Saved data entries
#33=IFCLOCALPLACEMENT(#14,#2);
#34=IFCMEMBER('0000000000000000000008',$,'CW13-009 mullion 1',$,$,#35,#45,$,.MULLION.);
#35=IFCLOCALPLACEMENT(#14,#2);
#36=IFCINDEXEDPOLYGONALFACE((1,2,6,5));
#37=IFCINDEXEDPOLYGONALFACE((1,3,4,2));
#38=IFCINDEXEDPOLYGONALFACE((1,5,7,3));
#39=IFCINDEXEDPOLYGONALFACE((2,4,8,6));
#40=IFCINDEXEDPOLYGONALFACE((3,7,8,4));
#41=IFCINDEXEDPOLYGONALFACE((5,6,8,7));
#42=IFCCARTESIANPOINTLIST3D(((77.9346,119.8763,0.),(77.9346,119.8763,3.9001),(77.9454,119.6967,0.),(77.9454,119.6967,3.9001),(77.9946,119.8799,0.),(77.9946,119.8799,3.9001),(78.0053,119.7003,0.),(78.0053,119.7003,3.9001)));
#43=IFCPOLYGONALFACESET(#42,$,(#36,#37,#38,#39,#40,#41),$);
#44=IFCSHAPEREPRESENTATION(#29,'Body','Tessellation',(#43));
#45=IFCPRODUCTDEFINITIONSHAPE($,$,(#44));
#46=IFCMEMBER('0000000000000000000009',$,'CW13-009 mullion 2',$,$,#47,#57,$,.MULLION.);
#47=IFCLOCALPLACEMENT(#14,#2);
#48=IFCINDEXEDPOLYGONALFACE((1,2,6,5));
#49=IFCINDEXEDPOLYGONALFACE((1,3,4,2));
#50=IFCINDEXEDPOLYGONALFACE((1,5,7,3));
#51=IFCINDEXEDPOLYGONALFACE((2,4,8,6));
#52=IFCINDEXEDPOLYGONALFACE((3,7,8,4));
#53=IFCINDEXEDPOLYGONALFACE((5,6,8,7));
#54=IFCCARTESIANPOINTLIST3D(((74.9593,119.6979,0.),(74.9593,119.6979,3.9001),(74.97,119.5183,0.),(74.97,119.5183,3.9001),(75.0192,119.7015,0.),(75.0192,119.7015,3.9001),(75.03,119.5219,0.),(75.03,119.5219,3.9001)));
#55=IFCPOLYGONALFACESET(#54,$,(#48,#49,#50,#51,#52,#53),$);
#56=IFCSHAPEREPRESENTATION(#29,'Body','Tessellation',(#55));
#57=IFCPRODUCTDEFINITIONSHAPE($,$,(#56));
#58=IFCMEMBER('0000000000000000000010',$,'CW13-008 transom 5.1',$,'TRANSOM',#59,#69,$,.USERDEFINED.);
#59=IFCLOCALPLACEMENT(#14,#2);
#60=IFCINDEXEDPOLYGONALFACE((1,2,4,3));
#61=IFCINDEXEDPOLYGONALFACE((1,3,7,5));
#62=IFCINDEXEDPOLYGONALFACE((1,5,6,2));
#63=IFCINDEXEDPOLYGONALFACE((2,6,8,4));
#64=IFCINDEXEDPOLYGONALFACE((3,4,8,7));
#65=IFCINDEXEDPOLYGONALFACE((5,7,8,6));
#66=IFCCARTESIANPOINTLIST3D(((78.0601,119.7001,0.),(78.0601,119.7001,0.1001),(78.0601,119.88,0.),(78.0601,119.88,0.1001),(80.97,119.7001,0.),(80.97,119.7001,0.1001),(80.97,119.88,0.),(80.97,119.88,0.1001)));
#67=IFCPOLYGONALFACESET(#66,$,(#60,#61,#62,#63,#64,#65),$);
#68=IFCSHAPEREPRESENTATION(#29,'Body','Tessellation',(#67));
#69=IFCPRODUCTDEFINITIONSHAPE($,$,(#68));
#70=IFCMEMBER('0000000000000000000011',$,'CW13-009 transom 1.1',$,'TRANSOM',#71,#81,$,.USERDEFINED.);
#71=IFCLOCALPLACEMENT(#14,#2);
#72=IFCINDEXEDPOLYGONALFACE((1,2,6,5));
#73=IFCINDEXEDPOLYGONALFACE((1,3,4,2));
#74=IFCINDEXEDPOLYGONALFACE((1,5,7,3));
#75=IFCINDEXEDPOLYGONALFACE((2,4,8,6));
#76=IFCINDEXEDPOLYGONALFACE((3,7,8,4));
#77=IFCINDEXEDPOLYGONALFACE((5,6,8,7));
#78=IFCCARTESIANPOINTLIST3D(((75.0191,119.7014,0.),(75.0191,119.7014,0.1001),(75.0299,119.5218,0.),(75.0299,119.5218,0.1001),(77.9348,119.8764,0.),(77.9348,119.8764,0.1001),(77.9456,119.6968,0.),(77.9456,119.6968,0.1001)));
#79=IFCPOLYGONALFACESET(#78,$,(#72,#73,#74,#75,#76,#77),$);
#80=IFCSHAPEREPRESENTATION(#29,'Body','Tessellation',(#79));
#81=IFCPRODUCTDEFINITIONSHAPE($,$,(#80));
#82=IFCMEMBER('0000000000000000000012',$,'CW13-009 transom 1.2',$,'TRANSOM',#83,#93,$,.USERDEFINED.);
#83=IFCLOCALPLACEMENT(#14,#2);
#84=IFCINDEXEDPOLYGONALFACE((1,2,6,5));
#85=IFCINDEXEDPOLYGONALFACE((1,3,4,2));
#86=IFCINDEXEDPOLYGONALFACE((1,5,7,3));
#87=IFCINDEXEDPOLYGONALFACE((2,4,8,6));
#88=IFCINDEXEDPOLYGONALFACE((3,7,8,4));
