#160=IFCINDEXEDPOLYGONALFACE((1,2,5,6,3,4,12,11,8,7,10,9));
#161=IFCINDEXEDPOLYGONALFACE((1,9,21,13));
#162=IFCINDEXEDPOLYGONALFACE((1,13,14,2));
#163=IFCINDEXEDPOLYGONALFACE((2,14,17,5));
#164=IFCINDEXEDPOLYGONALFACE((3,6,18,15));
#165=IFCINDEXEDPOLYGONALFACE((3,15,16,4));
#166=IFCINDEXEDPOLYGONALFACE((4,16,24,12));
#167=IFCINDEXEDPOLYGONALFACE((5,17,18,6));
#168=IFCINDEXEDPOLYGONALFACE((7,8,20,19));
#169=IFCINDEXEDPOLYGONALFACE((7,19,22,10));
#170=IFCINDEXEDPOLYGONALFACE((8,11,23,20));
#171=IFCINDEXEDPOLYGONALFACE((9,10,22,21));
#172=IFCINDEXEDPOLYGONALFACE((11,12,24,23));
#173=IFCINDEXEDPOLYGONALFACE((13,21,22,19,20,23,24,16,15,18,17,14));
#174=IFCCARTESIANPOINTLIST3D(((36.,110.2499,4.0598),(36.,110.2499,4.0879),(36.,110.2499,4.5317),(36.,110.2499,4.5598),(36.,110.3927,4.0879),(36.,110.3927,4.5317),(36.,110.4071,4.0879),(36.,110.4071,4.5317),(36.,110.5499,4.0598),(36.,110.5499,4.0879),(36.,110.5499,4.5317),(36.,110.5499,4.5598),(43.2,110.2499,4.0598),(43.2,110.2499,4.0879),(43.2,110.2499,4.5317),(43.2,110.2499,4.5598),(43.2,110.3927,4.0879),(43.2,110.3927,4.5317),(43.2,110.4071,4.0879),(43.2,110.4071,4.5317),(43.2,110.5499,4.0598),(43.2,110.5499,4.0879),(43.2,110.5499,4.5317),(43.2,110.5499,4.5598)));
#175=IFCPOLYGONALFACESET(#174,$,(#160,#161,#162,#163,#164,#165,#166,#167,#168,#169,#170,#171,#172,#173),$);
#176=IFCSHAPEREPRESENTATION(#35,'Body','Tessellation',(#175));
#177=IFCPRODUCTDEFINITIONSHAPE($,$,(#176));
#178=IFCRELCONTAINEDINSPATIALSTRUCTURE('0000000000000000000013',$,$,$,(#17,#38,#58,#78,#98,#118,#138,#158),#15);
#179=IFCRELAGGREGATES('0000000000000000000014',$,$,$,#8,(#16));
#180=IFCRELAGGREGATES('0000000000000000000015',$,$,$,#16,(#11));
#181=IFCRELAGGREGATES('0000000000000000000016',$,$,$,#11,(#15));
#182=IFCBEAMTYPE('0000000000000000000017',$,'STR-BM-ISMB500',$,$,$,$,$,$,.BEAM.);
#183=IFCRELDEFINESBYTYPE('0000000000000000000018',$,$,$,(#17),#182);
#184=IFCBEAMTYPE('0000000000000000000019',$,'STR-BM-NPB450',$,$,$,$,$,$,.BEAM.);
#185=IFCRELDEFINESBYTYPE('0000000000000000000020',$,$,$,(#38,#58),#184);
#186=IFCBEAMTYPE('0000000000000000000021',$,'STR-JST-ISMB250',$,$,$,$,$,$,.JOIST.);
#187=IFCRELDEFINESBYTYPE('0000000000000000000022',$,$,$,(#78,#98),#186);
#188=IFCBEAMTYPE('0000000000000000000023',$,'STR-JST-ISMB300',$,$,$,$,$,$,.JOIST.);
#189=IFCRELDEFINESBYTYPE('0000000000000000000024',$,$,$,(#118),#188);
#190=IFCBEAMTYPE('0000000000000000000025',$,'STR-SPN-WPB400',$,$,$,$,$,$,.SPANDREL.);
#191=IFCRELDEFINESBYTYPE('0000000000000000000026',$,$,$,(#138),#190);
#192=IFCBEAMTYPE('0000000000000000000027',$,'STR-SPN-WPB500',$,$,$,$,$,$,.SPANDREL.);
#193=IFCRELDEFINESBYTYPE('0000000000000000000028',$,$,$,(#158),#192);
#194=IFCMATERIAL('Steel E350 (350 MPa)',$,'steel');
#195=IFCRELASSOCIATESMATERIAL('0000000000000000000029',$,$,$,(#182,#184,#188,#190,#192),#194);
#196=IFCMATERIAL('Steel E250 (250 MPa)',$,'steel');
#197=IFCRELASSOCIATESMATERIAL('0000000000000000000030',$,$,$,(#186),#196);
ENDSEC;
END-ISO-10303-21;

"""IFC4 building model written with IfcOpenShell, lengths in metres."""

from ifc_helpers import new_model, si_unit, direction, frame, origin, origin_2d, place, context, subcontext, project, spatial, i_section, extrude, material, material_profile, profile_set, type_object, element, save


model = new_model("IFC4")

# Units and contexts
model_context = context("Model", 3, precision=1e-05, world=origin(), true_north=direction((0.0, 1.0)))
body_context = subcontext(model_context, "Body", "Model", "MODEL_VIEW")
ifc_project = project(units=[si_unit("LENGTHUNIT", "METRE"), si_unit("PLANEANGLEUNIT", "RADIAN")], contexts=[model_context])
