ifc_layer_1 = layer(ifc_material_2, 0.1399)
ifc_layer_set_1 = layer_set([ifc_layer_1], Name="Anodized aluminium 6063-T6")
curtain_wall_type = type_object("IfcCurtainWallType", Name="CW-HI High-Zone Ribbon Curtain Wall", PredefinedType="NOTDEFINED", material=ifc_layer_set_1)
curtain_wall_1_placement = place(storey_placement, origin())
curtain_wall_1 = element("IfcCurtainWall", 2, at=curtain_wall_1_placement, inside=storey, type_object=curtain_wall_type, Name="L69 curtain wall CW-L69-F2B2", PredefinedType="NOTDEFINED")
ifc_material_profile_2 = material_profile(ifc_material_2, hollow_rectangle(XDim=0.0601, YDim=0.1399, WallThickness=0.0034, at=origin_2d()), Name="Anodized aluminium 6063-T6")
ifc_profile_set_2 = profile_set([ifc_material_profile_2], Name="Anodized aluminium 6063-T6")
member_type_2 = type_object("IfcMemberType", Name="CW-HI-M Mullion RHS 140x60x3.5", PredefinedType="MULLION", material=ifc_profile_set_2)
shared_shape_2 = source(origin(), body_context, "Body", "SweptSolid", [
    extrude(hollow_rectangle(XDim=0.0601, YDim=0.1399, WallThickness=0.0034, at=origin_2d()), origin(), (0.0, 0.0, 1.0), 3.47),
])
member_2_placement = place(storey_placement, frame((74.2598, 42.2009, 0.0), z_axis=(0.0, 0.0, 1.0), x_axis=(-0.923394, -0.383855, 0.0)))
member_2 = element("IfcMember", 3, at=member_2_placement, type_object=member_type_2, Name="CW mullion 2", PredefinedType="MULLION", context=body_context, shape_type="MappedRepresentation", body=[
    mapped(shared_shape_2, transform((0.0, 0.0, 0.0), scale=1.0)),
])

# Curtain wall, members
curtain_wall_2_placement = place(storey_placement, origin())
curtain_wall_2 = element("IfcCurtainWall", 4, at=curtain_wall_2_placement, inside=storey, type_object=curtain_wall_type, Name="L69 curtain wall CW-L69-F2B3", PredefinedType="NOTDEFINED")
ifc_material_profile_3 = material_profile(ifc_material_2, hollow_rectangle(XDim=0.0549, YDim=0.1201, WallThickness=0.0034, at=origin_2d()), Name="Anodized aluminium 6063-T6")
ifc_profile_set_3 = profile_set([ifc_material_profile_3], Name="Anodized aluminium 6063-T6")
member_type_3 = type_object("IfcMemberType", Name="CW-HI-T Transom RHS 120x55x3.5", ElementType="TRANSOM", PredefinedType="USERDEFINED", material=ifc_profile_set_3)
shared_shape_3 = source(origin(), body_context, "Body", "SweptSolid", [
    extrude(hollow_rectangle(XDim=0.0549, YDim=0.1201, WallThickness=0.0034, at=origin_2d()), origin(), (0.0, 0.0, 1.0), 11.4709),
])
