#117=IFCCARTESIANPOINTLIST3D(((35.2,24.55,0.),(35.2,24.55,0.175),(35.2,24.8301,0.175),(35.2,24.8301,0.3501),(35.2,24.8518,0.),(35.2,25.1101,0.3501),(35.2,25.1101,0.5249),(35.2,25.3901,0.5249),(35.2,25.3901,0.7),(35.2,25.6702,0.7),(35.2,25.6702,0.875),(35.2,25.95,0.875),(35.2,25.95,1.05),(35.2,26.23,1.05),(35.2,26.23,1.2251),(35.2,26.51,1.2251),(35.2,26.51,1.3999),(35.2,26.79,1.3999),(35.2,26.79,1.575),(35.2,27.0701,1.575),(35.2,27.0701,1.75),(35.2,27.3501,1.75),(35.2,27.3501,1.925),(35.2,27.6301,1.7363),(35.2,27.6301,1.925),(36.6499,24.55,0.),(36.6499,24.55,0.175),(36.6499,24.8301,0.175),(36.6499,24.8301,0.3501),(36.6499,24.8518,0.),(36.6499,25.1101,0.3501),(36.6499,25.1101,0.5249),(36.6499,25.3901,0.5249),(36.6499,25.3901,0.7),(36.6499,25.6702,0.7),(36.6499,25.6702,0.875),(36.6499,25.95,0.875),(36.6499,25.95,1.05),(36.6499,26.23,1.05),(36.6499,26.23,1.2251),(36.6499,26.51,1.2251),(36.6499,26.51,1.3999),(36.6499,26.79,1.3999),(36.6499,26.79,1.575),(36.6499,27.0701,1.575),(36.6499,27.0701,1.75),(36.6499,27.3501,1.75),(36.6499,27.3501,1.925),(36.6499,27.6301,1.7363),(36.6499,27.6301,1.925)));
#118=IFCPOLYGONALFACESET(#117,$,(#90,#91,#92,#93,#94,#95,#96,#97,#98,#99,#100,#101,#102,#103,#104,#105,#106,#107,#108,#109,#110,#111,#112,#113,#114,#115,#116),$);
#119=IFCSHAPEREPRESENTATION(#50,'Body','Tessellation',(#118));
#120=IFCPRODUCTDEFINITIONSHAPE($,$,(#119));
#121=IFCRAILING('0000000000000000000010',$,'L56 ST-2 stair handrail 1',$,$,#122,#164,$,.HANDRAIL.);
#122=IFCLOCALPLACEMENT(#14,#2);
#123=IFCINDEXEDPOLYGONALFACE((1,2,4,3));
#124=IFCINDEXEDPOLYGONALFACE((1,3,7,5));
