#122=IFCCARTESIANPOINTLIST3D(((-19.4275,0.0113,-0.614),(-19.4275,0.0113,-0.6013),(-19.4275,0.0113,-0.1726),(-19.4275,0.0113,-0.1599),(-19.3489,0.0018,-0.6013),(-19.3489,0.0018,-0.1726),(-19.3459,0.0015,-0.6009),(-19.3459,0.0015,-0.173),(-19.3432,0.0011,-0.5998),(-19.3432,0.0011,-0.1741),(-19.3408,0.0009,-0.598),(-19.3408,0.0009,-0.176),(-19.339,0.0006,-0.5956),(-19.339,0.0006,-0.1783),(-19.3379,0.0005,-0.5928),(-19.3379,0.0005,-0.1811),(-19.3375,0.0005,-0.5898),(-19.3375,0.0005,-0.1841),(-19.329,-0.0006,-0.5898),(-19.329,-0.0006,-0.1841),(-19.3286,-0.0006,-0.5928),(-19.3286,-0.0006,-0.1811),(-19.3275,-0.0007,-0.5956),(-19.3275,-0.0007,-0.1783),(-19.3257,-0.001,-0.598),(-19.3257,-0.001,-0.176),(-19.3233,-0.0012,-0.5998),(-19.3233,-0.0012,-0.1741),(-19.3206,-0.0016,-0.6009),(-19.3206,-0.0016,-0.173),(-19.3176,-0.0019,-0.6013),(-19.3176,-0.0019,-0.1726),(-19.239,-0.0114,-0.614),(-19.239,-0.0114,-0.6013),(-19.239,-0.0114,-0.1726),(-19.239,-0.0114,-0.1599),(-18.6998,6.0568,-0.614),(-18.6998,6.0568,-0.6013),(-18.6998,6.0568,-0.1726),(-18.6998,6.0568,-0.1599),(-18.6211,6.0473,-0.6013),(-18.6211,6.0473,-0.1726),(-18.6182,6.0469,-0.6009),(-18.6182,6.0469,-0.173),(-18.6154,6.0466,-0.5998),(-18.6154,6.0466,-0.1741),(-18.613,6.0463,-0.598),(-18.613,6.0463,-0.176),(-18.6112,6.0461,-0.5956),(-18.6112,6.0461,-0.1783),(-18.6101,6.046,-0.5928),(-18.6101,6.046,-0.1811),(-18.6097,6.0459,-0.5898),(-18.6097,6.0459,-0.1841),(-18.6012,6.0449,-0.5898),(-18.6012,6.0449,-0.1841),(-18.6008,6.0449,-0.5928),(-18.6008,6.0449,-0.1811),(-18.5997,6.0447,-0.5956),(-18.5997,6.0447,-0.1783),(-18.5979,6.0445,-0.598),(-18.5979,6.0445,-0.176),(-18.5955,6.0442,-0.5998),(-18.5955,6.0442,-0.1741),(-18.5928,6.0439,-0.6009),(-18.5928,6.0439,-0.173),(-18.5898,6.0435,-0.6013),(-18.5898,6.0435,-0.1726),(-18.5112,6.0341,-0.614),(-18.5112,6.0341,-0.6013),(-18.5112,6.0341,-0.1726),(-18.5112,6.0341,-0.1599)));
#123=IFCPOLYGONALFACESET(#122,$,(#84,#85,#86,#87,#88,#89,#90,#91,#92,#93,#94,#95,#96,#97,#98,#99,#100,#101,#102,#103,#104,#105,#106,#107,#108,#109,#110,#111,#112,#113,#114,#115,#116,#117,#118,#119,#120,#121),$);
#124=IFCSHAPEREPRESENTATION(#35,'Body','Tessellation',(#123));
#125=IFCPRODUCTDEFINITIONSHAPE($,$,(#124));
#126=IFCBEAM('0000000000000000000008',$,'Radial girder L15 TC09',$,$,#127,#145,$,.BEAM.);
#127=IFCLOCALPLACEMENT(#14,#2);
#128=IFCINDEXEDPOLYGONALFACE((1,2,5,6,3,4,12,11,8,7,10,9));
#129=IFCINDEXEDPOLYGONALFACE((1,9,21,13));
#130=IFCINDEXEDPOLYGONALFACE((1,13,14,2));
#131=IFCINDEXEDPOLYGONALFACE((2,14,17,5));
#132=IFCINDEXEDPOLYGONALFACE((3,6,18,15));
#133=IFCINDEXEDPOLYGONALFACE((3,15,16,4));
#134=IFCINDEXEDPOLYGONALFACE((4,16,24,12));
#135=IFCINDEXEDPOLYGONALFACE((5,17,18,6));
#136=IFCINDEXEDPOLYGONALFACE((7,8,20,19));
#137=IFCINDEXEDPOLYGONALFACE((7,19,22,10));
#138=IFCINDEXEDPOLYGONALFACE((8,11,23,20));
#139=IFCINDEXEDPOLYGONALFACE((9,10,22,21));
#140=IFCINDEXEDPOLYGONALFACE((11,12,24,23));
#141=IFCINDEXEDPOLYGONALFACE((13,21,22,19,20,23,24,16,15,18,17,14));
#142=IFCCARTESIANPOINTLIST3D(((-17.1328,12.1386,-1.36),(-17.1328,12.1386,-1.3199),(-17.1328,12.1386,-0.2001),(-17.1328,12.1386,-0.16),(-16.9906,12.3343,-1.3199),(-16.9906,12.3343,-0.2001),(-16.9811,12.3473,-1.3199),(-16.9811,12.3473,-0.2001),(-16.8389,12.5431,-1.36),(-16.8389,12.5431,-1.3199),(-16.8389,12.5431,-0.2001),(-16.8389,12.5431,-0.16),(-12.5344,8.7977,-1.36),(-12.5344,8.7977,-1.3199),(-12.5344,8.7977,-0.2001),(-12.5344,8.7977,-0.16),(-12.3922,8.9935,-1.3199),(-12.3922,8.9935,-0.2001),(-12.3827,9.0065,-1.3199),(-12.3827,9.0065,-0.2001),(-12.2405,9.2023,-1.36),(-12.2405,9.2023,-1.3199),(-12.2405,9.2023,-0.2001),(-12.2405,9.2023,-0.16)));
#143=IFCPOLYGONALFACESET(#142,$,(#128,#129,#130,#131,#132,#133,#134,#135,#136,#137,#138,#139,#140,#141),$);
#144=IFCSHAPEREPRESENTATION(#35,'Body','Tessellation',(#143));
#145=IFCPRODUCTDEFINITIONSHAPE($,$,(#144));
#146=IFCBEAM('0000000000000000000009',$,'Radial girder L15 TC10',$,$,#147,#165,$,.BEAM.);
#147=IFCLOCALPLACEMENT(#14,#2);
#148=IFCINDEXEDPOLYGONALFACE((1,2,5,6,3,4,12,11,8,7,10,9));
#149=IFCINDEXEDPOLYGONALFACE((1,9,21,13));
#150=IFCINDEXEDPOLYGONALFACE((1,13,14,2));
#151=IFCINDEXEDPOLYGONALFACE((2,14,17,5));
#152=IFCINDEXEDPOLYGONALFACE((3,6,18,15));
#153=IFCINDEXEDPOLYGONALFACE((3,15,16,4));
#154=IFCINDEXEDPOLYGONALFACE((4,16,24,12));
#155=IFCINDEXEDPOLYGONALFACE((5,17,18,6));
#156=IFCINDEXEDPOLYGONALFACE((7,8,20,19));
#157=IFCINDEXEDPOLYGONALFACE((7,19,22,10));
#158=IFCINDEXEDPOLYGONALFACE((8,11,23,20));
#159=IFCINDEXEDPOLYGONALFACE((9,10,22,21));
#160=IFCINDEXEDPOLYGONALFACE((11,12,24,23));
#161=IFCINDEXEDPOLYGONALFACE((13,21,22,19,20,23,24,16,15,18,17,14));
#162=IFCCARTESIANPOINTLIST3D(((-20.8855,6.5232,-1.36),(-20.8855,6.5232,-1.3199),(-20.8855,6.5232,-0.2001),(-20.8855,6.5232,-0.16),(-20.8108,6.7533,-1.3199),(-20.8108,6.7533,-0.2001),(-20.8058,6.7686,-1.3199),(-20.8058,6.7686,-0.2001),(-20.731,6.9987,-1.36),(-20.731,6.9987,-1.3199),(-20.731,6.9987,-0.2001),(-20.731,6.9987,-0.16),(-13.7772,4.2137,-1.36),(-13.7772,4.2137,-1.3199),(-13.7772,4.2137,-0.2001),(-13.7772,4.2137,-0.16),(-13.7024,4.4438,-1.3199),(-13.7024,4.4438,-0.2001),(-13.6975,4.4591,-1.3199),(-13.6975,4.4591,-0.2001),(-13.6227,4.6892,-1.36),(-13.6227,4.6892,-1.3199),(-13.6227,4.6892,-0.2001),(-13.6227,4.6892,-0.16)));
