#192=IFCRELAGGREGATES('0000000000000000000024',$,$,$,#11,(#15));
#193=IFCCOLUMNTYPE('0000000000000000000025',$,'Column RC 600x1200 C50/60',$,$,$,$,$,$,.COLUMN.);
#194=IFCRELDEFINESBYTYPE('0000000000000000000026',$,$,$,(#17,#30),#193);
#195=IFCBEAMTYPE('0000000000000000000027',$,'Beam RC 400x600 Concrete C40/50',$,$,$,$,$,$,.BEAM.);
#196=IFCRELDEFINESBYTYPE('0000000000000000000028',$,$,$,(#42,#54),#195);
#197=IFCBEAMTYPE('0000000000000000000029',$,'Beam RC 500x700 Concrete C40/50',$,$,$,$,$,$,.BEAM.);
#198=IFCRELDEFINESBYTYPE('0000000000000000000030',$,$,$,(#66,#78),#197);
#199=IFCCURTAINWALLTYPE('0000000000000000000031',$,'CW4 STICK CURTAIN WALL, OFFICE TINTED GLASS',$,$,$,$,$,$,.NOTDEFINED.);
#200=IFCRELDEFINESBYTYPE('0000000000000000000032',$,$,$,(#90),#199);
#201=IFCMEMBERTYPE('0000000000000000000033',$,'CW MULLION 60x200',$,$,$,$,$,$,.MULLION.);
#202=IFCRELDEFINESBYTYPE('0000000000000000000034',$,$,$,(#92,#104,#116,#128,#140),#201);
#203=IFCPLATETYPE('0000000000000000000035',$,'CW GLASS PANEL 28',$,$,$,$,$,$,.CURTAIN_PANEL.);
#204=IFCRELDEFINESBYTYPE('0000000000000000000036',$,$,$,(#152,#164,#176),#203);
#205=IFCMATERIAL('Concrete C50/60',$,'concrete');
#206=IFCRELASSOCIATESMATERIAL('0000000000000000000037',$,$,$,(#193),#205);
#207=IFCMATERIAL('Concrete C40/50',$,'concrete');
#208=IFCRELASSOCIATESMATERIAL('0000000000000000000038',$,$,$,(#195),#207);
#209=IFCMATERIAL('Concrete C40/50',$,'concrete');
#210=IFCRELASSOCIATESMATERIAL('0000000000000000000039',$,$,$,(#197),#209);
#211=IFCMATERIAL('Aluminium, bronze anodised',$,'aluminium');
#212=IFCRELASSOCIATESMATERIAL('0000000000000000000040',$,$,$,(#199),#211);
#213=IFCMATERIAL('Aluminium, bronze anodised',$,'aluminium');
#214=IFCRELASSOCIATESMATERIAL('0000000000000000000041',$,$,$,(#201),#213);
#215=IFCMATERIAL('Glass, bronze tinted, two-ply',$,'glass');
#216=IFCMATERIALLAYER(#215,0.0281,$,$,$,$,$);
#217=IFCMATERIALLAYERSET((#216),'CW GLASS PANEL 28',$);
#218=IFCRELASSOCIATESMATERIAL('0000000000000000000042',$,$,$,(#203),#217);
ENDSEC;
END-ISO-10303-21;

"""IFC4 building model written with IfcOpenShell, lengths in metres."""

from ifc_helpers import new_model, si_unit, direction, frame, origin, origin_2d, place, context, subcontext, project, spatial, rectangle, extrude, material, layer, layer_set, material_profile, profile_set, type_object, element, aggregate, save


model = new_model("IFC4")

ABOUT THIS TASK
An exact copy of the lines above between the line holding "#85=IFCINDEXEDPOLYGONALFACE((1,3,4,2));" and the line holding "#167=IFCINDEXEDPOLYGONALFACE((5,17,18,6));", inclusive, is the whole answer.

SOLUTION FOR THIS EXERCISE
#85=IFCINDEXEDPOLYGONALFACE((1,3,4,2));
#86=IFCINDEXEDPOLYGONALFACE((1,5,7,3));
#87=IFCINDEXEDPOLYGONALFACE((2,4,8,6));
#88=IFCINDEXEDPOLYGONALFACE((3,7,8,4));
#160=IFCINDEXEDPOLYGONALFACE((1,2,5,6,3,4,12,11,8,7,10,9));
#161=IFCINDEXEDPOLYGONALFACE((1,9,21,13));
#162=IFCINDEXEDPOLYGONALFACE((1,13,14,2));
#163=IFCINDEXEDPOLYGONALFACE((2,14,17,5));
#164=IFCINDEXEDPOLYGONALFACE((3,6,18,15));
#165=IFCINDEXEDPOLYGONALFACE((3,15,16,4));
#166=IFCINDEXEDPOLYGONALFACE((4,16,24,12));
#167=IFCINDEXEDPOLYGONALFACE((5,17,18,6));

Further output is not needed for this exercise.